== Segment start ==

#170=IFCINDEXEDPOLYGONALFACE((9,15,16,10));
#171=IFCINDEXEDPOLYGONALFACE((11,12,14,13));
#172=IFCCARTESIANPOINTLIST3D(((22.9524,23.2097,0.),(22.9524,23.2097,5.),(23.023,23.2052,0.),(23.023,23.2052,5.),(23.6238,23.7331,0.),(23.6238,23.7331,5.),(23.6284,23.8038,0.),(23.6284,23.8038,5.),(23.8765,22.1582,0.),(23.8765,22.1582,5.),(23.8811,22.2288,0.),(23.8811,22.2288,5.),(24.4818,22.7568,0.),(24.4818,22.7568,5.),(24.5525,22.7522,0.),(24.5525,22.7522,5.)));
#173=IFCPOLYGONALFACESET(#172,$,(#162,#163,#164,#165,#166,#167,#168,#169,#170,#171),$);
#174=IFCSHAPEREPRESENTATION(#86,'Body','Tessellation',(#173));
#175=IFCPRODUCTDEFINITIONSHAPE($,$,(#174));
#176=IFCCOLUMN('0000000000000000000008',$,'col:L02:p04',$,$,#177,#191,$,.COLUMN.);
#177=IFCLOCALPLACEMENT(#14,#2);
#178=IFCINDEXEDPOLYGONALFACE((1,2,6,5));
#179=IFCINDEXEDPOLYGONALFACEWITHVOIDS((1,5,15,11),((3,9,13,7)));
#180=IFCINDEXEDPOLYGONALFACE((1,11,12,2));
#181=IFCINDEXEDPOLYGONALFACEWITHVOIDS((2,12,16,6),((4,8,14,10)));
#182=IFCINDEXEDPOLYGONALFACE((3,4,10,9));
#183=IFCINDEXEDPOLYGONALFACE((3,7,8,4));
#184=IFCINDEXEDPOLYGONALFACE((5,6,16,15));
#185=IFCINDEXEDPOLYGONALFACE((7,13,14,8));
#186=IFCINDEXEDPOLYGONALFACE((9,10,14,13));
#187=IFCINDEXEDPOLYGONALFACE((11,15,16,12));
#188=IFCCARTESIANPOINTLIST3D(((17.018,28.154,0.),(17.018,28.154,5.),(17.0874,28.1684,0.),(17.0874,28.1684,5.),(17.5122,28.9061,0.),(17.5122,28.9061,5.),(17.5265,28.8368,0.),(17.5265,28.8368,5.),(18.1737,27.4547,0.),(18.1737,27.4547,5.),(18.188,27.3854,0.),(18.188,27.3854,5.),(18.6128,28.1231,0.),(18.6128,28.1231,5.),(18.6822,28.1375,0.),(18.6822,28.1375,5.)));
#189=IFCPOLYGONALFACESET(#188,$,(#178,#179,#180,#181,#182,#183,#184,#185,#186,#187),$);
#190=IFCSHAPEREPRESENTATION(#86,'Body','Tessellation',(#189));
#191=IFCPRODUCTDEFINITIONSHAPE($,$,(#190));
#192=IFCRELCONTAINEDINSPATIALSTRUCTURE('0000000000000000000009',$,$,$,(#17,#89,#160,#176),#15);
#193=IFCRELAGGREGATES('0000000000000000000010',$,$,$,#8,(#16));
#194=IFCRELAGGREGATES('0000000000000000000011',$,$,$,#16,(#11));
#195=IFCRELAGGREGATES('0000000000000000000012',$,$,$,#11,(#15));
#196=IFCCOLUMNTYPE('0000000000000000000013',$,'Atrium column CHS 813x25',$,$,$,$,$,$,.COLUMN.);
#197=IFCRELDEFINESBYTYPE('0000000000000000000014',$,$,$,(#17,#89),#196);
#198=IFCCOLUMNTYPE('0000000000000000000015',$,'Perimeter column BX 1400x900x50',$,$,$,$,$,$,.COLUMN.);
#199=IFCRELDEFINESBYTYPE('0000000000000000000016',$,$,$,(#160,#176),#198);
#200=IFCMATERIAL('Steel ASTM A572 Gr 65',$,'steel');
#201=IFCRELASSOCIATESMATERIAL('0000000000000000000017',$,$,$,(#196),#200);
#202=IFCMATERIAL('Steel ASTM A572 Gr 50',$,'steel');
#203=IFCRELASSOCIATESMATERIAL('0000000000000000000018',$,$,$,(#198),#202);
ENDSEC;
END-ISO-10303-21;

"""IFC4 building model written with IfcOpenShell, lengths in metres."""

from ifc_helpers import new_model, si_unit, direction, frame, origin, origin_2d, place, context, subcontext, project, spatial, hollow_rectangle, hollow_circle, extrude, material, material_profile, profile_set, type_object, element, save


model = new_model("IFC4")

== Segment end ==

TASK DETAILS: For each line in the records that contains the word "IFCRELAGGREGATES", make a copy.

RESPONSE BOX:
#193=IFCRELAGGREGATES('0000000000000000000010',$,$,$,#8,(#16));
#194=IFCRELAGGREGATES('0000000000000000000011',$,$,$,#16,(#11));
#195=IFCRELAGGREGATES('0000000000000000000012',$,$,$,#11,(#15));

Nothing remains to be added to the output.